*** Given data ***

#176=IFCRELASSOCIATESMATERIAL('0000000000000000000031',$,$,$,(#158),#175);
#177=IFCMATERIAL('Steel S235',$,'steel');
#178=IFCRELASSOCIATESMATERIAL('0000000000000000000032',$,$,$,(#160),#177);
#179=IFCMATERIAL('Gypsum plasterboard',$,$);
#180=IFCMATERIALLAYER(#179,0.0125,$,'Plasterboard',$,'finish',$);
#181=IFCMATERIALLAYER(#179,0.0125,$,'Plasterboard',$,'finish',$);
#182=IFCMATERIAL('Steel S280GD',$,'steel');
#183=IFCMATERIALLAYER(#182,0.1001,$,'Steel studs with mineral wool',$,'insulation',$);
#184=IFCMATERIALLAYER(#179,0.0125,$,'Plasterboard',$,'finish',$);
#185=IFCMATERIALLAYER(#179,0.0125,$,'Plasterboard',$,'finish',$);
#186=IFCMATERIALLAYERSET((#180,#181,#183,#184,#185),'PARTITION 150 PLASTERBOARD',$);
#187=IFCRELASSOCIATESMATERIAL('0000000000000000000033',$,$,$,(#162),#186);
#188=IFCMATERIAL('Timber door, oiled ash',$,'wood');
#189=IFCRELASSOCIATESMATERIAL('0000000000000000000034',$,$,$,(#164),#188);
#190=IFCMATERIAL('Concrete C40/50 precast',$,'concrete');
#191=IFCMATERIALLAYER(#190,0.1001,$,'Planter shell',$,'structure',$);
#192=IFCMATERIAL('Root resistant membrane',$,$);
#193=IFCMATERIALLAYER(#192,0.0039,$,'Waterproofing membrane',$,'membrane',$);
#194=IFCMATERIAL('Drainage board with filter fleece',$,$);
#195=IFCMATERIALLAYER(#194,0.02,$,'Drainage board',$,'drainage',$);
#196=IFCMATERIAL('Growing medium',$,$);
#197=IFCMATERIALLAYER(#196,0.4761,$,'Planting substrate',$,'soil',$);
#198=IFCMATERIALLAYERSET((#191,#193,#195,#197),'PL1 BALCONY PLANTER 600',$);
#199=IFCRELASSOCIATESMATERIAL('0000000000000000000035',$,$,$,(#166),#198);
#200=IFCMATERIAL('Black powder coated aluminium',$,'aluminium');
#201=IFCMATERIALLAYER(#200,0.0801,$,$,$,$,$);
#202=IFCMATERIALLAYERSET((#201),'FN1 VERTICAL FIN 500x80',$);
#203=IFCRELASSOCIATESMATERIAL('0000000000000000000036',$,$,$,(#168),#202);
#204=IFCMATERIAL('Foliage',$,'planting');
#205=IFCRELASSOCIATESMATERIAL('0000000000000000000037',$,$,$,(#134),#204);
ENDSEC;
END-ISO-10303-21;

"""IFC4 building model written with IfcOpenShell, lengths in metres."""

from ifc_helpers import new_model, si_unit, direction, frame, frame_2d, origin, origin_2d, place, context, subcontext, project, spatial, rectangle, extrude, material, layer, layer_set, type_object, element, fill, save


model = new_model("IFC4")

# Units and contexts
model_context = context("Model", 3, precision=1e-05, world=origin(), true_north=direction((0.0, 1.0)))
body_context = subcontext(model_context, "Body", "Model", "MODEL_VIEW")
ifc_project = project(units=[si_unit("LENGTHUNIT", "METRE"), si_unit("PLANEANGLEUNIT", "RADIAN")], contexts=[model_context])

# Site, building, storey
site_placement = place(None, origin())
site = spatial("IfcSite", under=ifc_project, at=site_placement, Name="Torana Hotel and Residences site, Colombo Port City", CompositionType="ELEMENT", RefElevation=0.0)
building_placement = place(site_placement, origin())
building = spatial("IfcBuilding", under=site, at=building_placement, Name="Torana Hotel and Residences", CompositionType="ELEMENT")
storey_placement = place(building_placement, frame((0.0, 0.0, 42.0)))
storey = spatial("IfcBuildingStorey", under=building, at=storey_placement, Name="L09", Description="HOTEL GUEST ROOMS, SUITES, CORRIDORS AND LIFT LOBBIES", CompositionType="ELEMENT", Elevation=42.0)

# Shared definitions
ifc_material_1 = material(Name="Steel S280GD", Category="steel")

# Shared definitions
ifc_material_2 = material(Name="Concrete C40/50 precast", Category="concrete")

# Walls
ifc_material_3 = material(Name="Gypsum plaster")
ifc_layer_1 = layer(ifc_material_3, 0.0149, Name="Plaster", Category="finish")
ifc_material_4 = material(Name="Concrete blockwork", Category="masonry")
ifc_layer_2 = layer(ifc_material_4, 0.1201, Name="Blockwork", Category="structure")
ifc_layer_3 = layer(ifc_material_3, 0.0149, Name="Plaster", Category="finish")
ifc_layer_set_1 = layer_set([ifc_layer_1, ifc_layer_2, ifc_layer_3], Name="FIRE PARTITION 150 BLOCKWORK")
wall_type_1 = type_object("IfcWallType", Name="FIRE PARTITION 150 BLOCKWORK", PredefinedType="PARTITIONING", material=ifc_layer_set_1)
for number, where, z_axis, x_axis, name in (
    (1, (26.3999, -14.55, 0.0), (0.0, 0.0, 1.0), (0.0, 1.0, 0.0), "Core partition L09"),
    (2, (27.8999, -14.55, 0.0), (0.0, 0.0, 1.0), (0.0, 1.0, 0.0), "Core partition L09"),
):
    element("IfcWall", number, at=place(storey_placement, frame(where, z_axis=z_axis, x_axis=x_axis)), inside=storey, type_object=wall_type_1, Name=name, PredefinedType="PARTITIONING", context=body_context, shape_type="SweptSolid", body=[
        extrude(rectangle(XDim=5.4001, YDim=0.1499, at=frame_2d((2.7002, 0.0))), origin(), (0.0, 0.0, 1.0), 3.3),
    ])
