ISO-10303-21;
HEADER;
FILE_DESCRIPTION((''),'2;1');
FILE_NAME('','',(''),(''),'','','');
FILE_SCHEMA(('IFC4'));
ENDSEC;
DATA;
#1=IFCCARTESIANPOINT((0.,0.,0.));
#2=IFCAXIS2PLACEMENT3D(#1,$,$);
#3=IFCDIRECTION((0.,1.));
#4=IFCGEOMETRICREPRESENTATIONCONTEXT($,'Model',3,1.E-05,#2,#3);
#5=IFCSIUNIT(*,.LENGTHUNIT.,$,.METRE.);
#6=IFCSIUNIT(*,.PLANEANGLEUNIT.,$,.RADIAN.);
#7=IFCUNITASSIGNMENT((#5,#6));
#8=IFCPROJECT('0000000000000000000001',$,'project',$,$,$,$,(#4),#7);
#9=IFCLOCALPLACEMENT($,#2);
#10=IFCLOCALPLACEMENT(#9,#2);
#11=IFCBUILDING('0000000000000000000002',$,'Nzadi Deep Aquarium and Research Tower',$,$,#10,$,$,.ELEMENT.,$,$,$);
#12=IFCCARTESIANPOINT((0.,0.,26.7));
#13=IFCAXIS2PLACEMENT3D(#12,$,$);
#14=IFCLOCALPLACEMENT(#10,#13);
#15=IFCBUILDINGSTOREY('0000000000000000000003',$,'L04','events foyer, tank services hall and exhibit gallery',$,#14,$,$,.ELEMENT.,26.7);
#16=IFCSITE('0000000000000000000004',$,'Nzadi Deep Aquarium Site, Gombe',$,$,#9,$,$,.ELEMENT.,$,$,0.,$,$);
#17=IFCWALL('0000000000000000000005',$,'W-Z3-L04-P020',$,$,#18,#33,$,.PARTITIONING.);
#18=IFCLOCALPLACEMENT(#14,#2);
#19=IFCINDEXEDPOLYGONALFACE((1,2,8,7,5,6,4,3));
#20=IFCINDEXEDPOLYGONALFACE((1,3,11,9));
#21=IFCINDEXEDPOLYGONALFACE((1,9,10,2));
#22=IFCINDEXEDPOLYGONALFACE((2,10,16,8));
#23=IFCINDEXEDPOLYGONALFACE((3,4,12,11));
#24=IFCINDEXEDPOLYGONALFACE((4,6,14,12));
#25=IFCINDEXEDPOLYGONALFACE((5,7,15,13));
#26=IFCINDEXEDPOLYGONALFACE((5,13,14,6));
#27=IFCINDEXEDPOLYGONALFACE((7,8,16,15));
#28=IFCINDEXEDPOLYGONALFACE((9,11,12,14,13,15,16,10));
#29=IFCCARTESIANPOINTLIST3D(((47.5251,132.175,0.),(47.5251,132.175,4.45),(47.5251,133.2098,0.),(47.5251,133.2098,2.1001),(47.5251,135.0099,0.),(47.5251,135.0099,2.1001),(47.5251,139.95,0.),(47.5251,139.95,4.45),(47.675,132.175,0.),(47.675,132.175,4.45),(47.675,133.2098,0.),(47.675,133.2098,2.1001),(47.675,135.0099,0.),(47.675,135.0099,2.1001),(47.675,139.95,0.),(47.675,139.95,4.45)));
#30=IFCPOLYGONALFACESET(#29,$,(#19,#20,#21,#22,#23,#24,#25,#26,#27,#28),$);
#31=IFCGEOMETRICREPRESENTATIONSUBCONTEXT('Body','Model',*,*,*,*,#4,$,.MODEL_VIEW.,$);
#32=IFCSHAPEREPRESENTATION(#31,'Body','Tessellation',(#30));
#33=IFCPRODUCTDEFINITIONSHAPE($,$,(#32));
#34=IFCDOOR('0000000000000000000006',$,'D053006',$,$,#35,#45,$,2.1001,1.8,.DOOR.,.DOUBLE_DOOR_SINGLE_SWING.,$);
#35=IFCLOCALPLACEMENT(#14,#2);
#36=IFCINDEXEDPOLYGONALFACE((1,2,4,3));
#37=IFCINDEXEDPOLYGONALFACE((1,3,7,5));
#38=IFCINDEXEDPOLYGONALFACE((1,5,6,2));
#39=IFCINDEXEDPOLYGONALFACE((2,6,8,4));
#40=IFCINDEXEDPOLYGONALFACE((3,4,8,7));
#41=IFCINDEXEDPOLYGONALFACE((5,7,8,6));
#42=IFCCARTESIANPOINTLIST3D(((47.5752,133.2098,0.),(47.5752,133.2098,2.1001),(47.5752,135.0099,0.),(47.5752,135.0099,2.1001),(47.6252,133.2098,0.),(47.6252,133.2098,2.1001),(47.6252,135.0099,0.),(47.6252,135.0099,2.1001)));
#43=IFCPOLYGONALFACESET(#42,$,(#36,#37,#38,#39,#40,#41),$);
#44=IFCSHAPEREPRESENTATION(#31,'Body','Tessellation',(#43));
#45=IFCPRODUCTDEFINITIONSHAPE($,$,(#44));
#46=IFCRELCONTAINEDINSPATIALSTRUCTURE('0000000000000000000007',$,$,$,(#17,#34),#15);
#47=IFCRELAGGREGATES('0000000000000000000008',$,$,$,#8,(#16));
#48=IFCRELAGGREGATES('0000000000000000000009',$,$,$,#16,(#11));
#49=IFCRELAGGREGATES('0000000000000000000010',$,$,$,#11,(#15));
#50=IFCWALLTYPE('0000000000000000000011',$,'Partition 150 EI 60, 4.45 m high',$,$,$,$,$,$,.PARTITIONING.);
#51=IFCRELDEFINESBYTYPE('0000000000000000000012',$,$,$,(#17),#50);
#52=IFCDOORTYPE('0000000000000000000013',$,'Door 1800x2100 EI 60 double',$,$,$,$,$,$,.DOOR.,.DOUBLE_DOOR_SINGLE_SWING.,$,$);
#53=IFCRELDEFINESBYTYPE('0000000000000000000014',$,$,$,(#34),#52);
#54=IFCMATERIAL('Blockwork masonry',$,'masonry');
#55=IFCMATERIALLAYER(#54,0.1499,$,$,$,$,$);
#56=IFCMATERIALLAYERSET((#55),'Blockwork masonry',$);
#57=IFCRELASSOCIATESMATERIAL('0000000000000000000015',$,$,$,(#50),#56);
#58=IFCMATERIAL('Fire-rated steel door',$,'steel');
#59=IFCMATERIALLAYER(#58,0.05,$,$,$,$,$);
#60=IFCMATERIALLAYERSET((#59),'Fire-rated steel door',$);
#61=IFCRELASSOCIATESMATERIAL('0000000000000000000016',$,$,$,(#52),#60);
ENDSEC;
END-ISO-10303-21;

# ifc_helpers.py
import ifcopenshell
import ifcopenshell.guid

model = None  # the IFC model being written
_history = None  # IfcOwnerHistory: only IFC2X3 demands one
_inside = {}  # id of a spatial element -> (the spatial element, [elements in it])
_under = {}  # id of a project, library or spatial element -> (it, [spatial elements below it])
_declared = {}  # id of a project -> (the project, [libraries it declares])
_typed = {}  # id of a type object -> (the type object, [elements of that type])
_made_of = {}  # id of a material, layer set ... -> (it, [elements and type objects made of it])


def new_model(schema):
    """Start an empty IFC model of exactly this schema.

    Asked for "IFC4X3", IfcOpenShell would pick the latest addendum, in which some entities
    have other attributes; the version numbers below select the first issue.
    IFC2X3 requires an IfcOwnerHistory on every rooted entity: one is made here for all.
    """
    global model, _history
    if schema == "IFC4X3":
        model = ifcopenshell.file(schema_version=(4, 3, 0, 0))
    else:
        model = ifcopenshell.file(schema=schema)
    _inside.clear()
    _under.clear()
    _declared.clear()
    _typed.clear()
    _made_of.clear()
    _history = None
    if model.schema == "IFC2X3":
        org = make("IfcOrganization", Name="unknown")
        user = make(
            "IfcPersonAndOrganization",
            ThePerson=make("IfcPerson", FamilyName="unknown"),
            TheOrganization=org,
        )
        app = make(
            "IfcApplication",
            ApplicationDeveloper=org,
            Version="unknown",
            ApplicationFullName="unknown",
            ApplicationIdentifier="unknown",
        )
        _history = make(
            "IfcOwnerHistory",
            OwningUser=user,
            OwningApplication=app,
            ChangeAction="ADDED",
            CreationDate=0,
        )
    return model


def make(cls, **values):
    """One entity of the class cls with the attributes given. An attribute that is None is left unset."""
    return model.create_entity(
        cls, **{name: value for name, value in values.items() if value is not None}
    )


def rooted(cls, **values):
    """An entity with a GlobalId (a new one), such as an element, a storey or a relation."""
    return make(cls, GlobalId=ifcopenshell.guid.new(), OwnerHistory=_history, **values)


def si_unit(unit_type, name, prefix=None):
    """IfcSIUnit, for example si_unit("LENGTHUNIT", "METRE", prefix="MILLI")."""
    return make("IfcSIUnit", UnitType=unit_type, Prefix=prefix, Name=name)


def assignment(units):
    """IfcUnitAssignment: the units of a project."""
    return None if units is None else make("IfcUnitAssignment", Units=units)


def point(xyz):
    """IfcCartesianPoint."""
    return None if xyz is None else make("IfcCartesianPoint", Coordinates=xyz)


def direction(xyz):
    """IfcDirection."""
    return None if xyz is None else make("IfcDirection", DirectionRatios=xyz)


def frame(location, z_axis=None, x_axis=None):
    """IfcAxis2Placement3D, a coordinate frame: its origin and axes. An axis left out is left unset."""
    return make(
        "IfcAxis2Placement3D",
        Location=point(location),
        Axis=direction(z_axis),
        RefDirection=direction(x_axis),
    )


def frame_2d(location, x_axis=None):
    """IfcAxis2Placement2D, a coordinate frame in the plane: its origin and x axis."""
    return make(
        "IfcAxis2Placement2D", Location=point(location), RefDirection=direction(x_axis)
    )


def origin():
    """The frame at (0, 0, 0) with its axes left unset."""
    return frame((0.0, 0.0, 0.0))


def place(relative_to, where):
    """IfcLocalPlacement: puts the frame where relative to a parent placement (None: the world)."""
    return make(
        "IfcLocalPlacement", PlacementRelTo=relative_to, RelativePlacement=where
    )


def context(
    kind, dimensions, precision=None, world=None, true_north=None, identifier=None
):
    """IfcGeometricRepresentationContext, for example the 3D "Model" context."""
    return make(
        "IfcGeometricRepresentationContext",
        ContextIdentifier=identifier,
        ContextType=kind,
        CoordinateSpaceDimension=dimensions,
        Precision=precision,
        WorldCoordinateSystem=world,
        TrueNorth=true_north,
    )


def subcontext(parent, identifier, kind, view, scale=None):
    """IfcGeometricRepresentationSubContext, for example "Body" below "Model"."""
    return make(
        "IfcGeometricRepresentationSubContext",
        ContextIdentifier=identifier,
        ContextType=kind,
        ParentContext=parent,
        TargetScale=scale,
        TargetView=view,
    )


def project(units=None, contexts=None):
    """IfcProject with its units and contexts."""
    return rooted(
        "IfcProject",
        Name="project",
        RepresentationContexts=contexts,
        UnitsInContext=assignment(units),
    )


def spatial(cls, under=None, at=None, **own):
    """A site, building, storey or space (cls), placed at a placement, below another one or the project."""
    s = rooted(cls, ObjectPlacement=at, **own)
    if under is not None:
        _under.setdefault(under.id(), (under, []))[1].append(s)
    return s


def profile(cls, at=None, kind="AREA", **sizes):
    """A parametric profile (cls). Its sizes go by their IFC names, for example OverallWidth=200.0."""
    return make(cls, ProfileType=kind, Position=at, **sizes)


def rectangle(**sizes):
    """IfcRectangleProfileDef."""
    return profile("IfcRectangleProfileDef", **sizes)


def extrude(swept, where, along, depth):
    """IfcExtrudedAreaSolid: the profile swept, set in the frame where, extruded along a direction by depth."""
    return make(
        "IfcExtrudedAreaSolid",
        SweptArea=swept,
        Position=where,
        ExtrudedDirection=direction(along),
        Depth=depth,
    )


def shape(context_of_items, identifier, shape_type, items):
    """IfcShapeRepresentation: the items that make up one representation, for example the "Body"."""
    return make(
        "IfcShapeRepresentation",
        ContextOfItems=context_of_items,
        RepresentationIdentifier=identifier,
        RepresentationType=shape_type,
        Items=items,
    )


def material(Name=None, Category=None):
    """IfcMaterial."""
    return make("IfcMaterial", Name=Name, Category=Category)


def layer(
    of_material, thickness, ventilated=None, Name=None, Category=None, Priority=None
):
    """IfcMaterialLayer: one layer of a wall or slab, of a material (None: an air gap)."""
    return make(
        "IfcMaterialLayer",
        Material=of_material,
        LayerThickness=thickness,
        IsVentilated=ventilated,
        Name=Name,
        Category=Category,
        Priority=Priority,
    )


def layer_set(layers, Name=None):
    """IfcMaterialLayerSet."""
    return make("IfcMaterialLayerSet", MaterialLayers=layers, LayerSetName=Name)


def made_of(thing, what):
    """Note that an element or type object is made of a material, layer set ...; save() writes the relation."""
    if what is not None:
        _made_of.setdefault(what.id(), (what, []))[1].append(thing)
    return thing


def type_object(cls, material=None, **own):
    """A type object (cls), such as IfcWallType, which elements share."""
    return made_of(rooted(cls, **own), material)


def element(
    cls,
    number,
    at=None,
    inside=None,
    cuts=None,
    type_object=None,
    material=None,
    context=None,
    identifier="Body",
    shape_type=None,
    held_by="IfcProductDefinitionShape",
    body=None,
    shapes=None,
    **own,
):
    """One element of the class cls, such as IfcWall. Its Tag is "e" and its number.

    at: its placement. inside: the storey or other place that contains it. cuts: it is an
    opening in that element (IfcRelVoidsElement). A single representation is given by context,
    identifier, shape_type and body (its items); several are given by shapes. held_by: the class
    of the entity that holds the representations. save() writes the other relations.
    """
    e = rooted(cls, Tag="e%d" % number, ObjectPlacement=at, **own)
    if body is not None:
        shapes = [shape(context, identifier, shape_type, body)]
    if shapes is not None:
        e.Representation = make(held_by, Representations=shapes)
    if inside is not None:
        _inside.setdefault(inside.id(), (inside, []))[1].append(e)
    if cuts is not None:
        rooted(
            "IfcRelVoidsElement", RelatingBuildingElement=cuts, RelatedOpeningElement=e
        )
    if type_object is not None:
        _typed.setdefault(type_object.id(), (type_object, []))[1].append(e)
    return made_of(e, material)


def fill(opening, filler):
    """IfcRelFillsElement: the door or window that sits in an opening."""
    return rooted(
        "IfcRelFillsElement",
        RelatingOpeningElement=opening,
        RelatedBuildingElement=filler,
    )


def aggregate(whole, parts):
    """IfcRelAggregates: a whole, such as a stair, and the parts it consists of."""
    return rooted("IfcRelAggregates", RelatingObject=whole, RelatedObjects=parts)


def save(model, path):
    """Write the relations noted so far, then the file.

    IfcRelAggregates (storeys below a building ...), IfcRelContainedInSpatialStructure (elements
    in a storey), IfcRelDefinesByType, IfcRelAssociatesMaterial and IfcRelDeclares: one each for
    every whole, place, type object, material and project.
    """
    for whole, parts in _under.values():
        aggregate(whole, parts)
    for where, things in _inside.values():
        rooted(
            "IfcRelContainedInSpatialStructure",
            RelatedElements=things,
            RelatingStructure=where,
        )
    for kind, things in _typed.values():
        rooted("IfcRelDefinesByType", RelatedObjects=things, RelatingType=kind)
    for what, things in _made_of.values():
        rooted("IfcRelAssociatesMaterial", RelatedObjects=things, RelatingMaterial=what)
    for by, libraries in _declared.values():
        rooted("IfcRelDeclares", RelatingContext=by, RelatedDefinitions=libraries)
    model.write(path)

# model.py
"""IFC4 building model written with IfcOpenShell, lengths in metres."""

from ifc_helpers import new_model, si_unit, direction, frame, frame_2d, origin, place, context, subcontext, project, spatial, rectangle, extrude, material, layer, layer_set, type_object, element, fill, save


model = new_model("IFC4")

# Units and contexts
model_context = context("Model", 3, precision=1e-05, world=origin(), true_north=direction((0.0, 1.0)))
body_context = subcontext(model_context, "Body", "Model", "MODEL_VIEW")
ifc_project = project(units=[si_unit("LENGTHUNIT", "METRE"), si_unit("PLANEANGLEUNIT", "RADIAN")], contexts=[model_context])

# Site, building, storey
site_placement = place(None, origin())
site = spatial("IfcSite", under=ifc_project, at=site_placement, Name="Nzadi Deep Aquarium Site, Gombe", CompositionType="ELEMENT", RefElevation=0.0)
building_placement = place(site_placement, origin())
building = spatial("IfcBuilding", under=site, at=building_placement, Name="Nzadi Deep Aquarium and Research Tower", CompositionType="ELEMENT")
storey_placement = place(building_placement, frame((0.0, 0.0, 26.7)))
storey = spatial("IfcBuildingStorey", under=building, at=storey_placement, Name="L04", Description="events foyer, tank services hall and exhibit gallery", CompositionType="ELEMENT", Elevation=26.7)

# Wall, opening, door
ifc_material_1 = material(Name="Blockwork masonry", Category="masonry")
ifc_layer_1 = layer(ifc_material_1, 0.1499)
ifc_layer_set_1 = layer_set([ifc_layer_1], Name="Blockwork masonry")
wall_type = type_object("IfcWallType", Name="Partition 150 EI 60, 4.45 m high", PredefinedType="PARTITIONING", material=ifc_layer_set_1)
wall_placement = place(storey_placement, frame((47.6001, 132.175, 0.0), z_axis=(0.0, 0.0, 1.0), x_axis=(0.0, 1.0, 0.0)))
wall = element("IfcWall", 1, at=wall_placement, inside=storey, type_object=wall_type, Name="W-Z3-L04-P020", PredefinedType="PARTITIONING", context=body_context, shape_type="SweptSolid", body=[
    extrude(rectangle(XDim=7.7749, YDim=0.1499, at=frame_2d((3.8875, 0.0))), origin(), (0.0, 0.0, 1.0), 4.45),
])
opening_placement = place(wall_placement, frame((1.0349, 0.0, 0.0)))
opening = element("IfcOpeningElement", 2, at=opening_placement, cuts=wall, PredefinedType="OPENING", context=body_context, shape_type="SweptSolid", body=[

*** End of Given data ***

Respond with a single number: the count of lines in the entries above that contain the string "every".

▸ **Response to the task**:
2